_ASSIGNMENT_.
Reproduce only the stretch of entries below that begins at the first line and ends at the line holding "#198=IFCINDEXEDPOLYGONALFACE((1,5,6,2));".

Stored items
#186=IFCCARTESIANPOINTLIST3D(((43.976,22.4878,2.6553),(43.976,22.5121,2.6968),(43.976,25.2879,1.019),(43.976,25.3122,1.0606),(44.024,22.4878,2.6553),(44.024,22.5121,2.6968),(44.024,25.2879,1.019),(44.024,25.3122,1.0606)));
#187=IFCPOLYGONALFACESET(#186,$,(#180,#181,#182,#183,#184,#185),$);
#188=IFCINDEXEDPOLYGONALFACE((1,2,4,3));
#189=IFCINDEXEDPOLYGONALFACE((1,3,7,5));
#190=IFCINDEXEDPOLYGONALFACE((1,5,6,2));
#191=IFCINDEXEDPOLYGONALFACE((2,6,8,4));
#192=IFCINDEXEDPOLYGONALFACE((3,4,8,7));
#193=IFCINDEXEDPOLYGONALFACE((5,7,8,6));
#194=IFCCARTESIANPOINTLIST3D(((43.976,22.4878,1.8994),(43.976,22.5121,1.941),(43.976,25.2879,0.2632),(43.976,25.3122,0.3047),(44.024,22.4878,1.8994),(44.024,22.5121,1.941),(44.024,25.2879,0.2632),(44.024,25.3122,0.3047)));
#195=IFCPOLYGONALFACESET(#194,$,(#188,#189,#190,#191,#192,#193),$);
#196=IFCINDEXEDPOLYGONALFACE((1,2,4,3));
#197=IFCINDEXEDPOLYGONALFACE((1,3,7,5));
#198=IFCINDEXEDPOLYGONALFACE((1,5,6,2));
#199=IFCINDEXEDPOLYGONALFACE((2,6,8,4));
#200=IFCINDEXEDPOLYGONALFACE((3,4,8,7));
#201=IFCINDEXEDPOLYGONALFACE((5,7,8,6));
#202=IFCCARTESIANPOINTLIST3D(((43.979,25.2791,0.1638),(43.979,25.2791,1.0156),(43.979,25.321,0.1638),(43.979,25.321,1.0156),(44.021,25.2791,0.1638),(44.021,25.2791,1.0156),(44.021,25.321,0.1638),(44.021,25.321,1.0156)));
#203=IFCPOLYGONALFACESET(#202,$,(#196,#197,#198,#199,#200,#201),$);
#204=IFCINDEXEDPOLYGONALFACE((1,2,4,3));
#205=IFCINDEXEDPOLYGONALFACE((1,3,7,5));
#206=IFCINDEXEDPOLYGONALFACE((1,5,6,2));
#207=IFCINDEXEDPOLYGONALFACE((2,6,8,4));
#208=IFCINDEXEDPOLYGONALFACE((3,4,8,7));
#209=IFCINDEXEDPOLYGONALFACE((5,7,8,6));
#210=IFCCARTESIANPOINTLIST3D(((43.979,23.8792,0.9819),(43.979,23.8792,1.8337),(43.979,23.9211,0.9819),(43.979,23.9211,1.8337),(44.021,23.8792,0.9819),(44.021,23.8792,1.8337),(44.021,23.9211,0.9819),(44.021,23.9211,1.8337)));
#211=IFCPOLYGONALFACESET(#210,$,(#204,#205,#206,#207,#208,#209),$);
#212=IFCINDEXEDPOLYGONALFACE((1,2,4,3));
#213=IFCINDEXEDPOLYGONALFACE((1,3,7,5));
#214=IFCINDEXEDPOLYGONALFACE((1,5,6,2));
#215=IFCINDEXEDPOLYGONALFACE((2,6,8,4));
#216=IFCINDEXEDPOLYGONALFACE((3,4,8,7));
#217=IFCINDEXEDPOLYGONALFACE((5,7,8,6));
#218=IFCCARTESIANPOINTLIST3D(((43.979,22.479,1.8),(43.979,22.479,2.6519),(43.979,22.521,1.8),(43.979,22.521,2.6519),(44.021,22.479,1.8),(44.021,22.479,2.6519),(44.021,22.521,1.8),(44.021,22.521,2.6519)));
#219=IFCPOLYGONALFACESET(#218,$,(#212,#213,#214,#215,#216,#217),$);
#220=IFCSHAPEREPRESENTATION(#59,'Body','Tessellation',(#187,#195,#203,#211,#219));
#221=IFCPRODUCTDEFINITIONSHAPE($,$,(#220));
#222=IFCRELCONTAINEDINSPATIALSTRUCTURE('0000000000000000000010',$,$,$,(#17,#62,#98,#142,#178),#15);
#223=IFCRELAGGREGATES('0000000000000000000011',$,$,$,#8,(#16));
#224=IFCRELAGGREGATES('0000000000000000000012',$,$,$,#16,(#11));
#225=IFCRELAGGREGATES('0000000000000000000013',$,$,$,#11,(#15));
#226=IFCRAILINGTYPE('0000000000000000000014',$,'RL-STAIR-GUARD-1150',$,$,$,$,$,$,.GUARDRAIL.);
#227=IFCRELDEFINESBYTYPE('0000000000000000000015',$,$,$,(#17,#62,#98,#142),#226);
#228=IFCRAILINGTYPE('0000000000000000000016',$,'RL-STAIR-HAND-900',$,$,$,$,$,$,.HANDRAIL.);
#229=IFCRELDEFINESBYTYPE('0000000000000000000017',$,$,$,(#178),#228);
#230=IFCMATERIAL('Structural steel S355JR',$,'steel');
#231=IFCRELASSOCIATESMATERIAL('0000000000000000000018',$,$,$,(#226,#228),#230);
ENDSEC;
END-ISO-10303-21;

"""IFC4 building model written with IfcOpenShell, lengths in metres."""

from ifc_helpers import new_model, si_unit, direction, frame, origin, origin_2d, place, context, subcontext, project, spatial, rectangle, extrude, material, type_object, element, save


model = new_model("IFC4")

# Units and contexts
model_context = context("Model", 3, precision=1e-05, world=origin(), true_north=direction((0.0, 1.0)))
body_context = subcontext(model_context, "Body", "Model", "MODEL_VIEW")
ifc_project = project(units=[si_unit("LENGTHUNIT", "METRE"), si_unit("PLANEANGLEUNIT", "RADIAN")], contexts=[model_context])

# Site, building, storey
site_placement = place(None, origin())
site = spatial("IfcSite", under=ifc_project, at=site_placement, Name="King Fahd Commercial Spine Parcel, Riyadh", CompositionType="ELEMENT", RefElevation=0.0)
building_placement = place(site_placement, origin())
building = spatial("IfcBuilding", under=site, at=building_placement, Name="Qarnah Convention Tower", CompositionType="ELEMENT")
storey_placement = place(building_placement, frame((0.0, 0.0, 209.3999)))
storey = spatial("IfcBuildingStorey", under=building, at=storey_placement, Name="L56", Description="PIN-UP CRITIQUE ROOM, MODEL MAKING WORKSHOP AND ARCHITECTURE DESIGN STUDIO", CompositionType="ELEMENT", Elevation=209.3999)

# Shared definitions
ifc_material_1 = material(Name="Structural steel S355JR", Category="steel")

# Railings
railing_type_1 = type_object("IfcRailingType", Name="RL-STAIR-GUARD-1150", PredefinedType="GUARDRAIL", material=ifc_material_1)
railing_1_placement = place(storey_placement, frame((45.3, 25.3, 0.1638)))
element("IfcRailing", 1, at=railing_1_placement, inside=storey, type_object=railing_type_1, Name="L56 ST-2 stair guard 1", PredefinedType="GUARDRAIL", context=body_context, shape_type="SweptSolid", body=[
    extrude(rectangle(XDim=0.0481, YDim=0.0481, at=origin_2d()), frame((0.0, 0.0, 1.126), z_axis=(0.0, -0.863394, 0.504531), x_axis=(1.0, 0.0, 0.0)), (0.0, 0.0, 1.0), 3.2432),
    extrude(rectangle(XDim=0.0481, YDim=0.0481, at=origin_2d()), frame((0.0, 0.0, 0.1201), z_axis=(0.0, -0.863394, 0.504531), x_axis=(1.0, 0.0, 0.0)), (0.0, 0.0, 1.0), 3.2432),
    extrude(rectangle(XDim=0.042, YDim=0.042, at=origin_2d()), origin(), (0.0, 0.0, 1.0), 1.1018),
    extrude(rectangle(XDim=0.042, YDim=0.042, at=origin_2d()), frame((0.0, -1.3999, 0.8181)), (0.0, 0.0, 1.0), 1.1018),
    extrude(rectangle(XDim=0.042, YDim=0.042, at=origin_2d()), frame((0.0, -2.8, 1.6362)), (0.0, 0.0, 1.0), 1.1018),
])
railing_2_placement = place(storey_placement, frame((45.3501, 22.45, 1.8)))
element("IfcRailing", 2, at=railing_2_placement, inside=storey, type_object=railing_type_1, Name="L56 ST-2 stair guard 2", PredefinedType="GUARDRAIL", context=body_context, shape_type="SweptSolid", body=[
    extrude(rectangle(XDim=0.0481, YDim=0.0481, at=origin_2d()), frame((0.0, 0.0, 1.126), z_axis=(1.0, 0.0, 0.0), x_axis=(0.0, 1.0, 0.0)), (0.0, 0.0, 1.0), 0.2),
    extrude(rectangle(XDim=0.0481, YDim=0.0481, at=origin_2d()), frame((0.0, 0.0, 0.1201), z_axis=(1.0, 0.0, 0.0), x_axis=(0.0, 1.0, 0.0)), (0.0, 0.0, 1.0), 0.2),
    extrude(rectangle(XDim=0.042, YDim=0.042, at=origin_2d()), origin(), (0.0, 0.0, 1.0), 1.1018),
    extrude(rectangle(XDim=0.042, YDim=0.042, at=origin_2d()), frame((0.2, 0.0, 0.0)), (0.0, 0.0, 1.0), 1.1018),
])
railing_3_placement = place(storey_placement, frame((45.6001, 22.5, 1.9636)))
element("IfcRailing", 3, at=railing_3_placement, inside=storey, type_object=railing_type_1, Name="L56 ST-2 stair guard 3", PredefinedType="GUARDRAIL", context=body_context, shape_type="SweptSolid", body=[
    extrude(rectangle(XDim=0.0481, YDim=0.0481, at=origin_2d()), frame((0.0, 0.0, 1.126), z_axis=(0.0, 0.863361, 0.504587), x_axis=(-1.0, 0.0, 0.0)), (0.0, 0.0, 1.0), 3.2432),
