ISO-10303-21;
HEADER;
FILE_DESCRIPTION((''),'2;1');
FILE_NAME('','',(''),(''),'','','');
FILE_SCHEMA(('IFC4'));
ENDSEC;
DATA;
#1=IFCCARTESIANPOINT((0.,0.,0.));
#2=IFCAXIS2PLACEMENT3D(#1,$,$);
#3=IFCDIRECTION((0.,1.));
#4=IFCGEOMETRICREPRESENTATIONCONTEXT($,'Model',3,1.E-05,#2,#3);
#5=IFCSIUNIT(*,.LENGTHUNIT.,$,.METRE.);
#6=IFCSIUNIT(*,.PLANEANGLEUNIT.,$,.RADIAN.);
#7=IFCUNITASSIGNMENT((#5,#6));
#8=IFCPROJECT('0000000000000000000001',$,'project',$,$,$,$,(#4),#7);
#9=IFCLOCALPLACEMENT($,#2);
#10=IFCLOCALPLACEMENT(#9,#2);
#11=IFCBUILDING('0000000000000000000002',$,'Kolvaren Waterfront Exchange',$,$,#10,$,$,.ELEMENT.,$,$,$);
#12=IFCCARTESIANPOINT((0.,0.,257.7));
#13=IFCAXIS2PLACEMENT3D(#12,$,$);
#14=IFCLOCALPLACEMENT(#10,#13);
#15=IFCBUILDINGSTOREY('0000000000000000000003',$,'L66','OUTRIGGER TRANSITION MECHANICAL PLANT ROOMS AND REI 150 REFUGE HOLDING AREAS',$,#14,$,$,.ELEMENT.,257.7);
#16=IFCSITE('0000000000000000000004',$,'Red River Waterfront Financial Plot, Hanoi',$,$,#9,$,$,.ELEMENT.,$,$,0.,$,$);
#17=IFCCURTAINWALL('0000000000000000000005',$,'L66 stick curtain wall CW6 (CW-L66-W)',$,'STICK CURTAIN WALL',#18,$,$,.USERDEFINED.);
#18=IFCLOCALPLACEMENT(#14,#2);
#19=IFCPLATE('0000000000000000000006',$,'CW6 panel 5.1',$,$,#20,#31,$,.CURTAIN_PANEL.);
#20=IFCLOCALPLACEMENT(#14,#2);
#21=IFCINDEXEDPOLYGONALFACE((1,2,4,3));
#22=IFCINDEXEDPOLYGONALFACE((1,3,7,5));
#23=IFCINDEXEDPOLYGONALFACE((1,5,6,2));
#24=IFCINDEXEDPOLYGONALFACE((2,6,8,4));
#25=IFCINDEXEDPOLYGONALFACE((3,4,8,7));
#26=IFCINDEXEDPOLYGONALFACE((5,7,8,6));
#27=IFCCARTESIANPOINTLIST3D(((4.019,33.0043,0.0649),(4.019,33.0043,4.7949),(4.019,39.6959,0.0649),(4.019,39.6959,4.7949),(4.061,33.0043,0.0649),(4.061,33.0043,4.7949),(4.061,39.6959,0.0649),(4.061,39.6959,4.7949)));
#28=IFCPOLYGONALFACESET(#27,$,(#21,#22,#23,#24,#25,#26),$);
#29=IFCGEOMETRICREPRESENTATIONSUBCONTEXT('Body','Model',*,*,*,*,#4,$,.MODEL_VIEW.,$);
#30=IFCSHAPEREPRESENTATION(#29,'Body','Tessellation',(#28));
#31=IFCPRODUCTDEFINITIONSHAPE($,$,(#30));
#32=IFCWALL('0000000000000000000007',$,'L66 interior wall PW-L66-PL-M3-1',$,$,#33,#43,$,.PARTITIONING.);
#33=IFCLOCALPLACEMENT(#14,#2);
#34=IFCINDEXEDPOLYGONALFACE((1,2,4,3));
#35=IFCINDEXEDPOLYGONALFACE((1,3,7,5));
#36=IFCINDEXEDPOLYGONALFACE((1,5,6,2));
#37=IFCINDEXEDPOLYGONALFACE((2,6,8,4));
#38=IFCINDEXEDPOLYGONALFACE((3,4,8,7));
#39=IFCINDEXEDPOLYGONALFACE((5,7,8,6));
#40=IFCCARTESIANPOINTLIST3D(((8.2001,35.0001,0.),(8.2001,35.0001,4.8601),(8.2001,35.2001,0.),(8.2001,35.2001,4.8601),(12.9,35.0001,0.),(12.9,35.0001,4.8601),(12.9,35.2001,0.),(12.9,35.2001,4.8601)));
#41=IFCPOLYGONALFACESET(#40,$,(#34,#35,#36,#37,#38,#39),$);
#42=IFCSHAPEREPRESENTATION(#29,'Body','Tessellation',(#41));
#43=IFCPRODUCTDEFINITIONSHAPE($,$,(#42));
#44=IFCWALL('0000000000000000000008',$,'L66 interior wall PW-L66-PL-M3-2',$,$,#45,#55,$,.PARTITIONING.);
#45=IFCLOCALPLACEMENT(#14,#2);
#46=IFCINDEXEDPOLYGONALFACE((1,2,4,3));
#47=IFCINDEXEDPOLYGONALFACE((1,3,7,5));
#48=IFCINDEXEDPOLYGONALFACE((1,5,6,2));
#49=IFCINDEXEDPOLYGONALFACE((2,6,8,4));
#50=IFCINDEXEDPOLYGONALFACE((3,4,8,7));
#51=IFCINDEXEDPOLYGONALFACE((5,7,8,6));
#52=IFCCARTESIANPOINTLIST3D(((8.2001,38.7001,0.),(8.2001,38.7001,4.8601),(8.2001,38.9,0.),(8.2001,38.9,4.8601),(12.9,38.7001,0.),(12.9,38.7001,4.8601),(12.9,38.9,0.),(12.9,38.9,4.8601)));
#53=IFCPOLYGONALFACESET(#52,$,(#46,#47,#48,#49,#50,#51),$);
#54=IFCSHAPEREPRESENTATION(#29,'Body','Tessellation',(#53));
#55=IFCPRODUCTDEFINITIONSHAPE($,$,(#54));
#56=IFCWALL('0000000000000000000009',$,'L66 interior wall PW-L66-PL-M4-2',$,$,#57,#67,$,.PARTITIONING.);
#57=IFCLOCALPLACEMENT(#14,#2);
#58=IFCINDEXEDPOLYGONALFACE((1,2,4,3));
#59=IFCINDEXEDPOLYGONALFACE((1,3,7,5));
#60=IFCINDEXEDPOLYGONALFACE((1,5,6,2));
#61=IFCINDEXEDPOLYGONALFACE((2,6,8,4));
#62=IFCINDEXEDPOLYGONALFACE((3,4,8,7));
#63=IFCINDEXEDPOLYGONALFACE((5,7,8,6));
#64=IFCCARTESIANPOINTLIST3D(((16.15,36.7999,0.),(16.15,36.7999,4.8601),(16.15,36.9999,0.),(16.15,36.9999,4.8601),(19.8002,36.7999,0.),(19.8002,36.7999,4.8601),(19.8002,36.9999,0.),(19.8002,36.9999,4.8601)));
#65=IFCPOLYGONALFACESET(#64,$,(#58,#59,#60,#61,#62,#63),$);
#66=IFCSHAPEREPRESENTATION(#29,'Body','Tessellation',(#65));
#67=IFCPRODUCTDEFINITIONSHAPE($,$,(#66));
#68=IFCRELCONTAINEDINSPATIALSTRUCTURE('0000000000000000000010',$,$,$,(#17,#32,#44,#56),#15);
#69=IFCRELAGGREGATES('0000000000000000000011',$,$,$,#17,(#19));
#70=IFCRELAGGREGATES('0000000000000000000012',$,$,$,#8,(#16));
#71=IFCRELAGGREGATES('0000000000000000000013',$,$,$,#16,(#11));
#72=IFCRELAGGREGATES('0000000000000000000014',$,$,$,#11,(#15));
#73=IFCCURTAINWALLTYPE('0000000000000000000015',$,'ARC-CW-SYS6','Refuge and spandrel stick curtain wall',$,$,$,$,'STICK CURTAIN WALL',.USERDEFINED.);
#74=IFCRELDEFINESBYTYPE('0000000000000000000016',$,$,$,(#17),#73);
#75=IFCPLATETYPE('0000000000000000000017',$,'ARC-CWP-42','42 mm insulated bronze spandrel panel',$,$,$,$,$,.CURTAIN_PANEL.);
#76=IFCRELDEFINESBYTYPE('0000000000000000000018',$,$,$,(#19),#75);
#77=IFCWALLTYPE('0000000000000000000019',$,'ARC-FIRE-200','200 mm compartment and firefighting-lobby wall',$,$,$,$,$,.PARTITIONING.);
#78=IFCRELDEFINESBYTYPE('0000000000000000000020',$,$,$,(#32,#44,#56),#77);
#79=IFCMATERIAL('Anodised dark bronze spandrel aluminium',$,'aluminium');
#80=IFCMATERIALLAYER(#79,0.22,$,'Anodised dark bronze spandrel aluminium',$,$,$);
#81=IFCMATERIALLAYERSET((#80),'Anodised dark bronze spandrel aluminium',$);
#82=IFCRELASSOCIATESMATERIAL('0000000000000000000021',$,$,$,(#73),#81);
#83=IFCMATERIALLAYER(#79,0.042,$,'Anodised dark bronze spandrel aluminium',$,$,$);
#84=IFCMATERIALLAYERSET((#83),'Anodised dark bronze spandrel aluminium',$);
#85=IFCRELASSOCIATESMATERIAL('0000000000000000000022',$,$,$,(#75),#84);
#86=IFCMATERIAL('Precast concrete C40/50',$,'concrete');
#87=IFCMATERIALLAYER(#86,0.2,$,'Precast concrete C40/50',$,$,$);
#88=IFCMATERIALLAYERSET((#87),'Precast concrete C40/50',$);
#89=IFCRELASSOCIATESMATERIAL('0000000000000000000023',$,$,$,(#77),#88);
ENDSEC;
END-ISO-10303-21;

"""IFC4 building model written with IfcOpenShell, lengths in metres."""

from ifc_helpers import new_model, si_unit, direction, frame, frame_2d, origin, origin_with_axes, origin_2d, place, context, subcontext, project, spatial, rectangle, extrude, source, transform, mapped, material, layer, layer_set, type_object, element, aggregate, save


model = new_model("IFC4")

# Units and contexts
model_context = context("Model", 3, precision=1e-05, world=origin(), true_north=direction((0.0, 1.0)))
body_context = subcontext(model_context, "Body", "Model", "MODEL_VIEW")
ifc_project = project(units=[si_unit("LENGTHUNIT", "METRE"), si_unit("PLANEANGLEUNIT", "RADIAN")], contexts=[model_context])

# Site, building, storey
site_placement = place(None, origin())
site = spatial("IfcSite", under=ifc_project, at=site_placement, Name="Red River Waterfront Financial Plot, Hanoi", CompositionType="ELEMENT", RefElevation=0.0)
building_placement = place(site_placement, origin())
building = spatial("IfcBuilding", under=site, at=building_placement, Name="Kolvaren Waterfront Exchange", CompositionType="ELEMENT")
storey_placement = place(building_placement, frame((0.0, 0.0, 257.7)))
storey = spatial("IfcBuildingStorey", under=building, at=storey_placement, Name="L66", Description="OUTRIGGER TRANSITION MECHANICAL PLANT ROOMS AND REI 150 REFUGE HOLDING AREAS", CompositionType="ELEMENT", Elevation=257.7)

# Curtain wall
ifc_material_1 = material(Name="Anodised dark bronze spandrel aluminium", Category="aluminium")
ifc_layer_1 = layer(ifc_material_1, 0.22, Name="Anodised dark bronze spandrel aluminium")
ifc_layer_set_1 = layer_set([ifc_layer_1], Name="Anodised dark bronze spandrel aluminium")
curtain_wall_type = type_object("IfcCurtainWallType", Name="ARC-CW-SYS6", Description="Refuge and spandrel stick curtain wall", ElementType="STICK CURTAIN WALL", PredefinedType="USERDEFINED", material=ifc_layer_set_1)
curtain_wall_placement = place(storey_placement, origin())
curtain_wall = element("IfcCurtainWall", 1, at=curtain_wall_placement, inside=storey, type_object=curtain_wall_type, Name="L66 stick curtain wall CW6 (CW-L66-W)", ObjectType="STICK CURTAIN WALL", PredefinedType="USERDEFINED")

# Plate
ifc_layer_2 = layer(ifc_material_1, 0.042, Name="Anodised dark bronze spandrel aluminium")
ifc_layer_set_2 = layer_set([ifc_layer_2], Name="Anodised dark bronze spandrel aluminium")
plate_type_1 = type_object("IfcPlateType", Name="ARC-CWP-42", Description="42 mm insulated bronze spandrel panel", PredefinedType="CURTAIN_PANEL", material=ifc_layer_set_2)
shared_shape_1 = source(origin_with_axes(), body_context, "Body", "SweptSolid", [
    extrude(rectangle(XDim=6.6917, YDim=0.042, at=origin_2d()), origin(), (0.0, 0.0, 1.0), 4.73),
])
plate_1_placement = place(storey_placement, frame((4.04, 36.3501, 0.0649), z_axis=(0.0, 0.0, 1.0), x_axis=(0.0, 1.0, 0.0)))
plate_1 = element("IfcPlate", 2, at=plate_1_placement, type_object=plate_type_1, Name="CW6 panel 5.1", PredefinedType="CURTAIN_PANEL", context=body_context, shape_type="MappedRepresentation", body=[
    mapped(shared_shape_1, transform((0.0, 0.0, 0.0), x_axis=(1.0, 0.0, 0.0), y_axis=(0.0, 1.0, 0.0), z_axis=(0.0, 0.0, 1.0), scale=1.0)),
])
aggregate(curtain_wall, [plate_1])

# Walls
ifc_material_2 = material(Name="Precast concrete C40/50", Category="concrete")
ifc_layer_3 = layer(ifc_material_2, 0.2, Name="Precast concrete C40/50")
ifc_layer_set_3 = layer_set([ifc_layer_3], Name="Precast concrete C40/50")
wall_type = type_object("IfcWallType", Name="ARC-FIRE-200", Description="200 mm compartment and firefighting-lobby wall", PredefinedType="PARTITIONING", material=ifc_layer_set_3)
for number, where, z_axis, x_axis, name in (
    (3, (8.2, 35.1001, 0.0), (0.0, 0.0, 1.0), (1.0, 0.0, 0.0), "L66 interior wall PW-L66-PL-M3-1"),
    (4, (8.2, 38.8, 0.0), (0.0, 0.0, 1.0), (1.0, 0.0, 0.0), "L66 interior wall PW-L66-PL-M3-2"),
):
    element("IfcWall", number, at=place(storey_placement, frame(where, z_axis=z_axis, x_axis=x_axis)), inside=storey, type_object=wall_type, Name=name, PredefinedType="PARTITIONING", context=body_context, shape_type="SweptSolid", body=[
        extrude(rectangle(XDim=4.7, YDim=0.2, at=frame_2d((2.3501, 0.0))), origin(), (0.0, 0.0, 1.0), 4.8601),
    ])
wall_placement = place(storey_placement, frame((16.1499, 36.8999, 0.0), z_axis=(0.0, 0.0, 1.0), x_axis=(1.0, 0.0, 0.0)))
element("IfcWall", 5, at=wall_placement, inside=storey, type_object=wall_type, Name="L66 interior wall PW-L66-PL-M4-2", PredefinedType="PARTITIONING", context=body_context, shape_type="SweptSolid", body=[
    extrude(rectangle(XDim=3.6501, YDim=0.2, at=frame_2d((1.8252, 0.0))), origin(), (0.0, 0.0, 1.0), 4.8601),
])

save(model, "model.ifc")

_RESULT FOR THIS EXERCISE_.
#186=IFCCARTESIANPOINTLIST3D(((43.976,22.4878,2.6553),(43.976,22.5121,2.6968),(43.976,25.2879,1.019),(43.976,25.3122,1.0606),(44.024,22.4878,2.6553),(44.024,22.5121,2.6968),(44.024,25.2879,1.019),(44.024,25.3122,1.0606)));
#187=IFCPOLYGONALFACESET(#186,$,(#180,#181,#182,#183,#184,#185),$);
#188=IFCINDEXEDPOLYGONALFACE((1,2,4,3));
#189=IFCINDEXEDPOLYGONALFACE((1,3,7,5));
#190=IFCINDEXEDPOLYGONALFACE((1,5,6,2));
#191=IFCINDEXEDPOLYGONALFACE((2,6,8,4));
#192=IFCINDEXEDPOLYGONALFACE((3,4,8,7));
#193=IFCINDEXEDPOLYGONALFACE((5,7,8,6));
#194=IFCCARTESIANPOINTLIST3D(((43.976,22.4878,1.8994),(43.976,22.5121,1.941),(43.976,25.2879,0.2632),(43.976,25.3122,0.3047),(44.024,22.4878,1.8994),(44.024,22.5121,1.941),(44.024,25.2879,0.2632),(44.024,25.3122,0.3047)));
#195=IFCPOLYGONALFACESET(#194,$,(#188,#189,#190,#191,#192,#193),$);
#196=IFCINDEXEDPOLYGONALFACE((1,2,4,3));
#197=IFCINDEXEDPOLYGONALFACE((1,3,7,5));
#198=IFCINDEXEDPOLYGONALFACE((1,5,6,2));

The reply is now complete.